### Material supplied

========================================================================

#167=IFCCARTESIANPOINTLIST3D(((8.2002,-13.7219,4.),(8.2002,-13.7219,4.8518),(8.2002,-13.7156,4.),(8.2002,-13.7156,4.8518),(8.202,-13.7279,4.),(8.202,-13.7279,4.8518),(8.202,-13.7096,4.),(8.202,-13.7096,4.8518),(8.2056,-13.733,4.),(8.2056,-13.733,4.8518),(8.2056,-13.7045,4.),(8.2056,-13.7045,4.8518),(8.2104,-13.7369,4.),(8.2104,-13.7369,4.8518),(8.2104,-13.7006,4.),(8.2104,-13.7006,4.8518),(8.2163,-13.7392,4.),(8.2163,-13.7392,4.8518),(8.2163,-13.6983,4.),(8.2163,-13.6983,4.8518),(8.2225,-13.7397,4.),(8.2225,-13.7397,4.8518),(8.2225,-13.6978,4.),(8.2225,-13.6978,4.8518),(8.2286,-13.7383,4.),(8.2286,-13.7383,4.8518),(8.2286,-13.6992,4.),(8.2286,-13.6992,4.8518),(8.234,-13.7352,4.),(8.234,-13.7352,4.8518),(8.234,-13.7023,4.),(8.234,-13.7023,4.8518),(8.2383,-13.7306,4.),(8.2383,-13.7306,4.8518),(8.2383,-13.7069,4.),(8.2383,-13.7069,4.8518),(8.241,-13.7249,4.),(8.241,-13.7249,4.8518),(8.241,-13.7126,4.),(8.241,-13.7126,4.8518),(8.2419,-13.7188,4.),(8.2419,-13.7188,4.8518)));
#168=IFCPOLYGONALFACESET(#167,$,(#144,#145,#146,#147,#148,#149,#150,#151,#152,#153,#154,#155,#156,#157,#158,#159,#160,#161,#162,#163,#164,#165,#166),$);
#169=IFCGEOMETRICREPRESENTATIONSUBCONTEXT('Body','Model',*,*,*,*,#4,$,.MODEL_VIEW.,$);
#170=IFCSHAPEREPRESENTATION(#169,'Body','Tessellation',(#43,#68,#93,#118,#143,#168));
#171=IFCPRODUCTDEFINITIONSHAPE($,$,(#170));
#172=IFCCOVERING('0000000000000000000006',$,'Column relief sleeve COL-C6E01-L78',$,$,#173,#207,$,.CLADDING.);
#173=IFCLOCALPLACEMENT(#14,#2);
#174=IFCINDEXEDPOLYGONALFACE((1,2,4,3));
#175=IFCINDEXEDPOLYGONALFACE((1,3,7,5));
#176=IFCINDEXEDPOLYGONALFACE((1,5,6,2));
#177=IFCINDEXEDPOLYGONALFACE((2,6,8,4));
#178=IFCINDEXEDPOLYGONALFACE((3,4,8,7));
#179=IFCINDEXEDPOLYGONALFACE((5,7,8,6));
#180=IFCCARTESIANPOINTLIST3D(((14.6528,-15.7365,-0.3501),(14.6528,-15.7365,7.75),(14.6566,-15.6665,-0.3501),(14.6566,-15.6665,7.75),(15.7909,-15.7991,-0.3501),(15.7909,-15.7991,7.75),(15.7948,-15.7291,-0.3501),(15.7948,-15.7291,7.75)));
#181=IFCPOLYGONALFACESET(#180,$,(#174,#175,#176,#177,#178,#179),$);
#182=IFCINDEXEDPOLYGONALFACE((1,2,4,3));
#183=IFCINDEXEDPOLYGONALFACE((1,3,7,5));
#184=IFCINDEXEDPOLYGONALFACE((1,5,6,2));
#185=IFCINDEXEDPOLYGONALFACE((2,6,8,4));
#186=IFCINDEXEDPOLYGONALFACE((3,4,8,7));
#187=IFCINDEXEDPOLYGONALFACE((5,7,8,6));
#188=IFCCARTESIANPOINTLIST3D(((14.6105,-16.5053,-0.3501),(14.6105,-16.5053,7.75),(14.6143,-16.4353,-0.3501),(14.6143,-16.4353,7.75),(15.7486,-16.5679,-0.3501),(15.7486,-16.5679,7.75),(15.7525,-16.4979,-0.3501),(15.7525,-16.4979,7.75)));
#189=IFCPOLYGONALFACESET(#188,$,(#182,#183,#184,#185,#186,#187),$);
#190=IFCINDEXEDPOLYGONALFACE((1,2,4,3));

========================================================================

### Exercise details
The required answer is the number of lines in the listing above that contain the word "Body", with nothing added.

### Reply to the task
2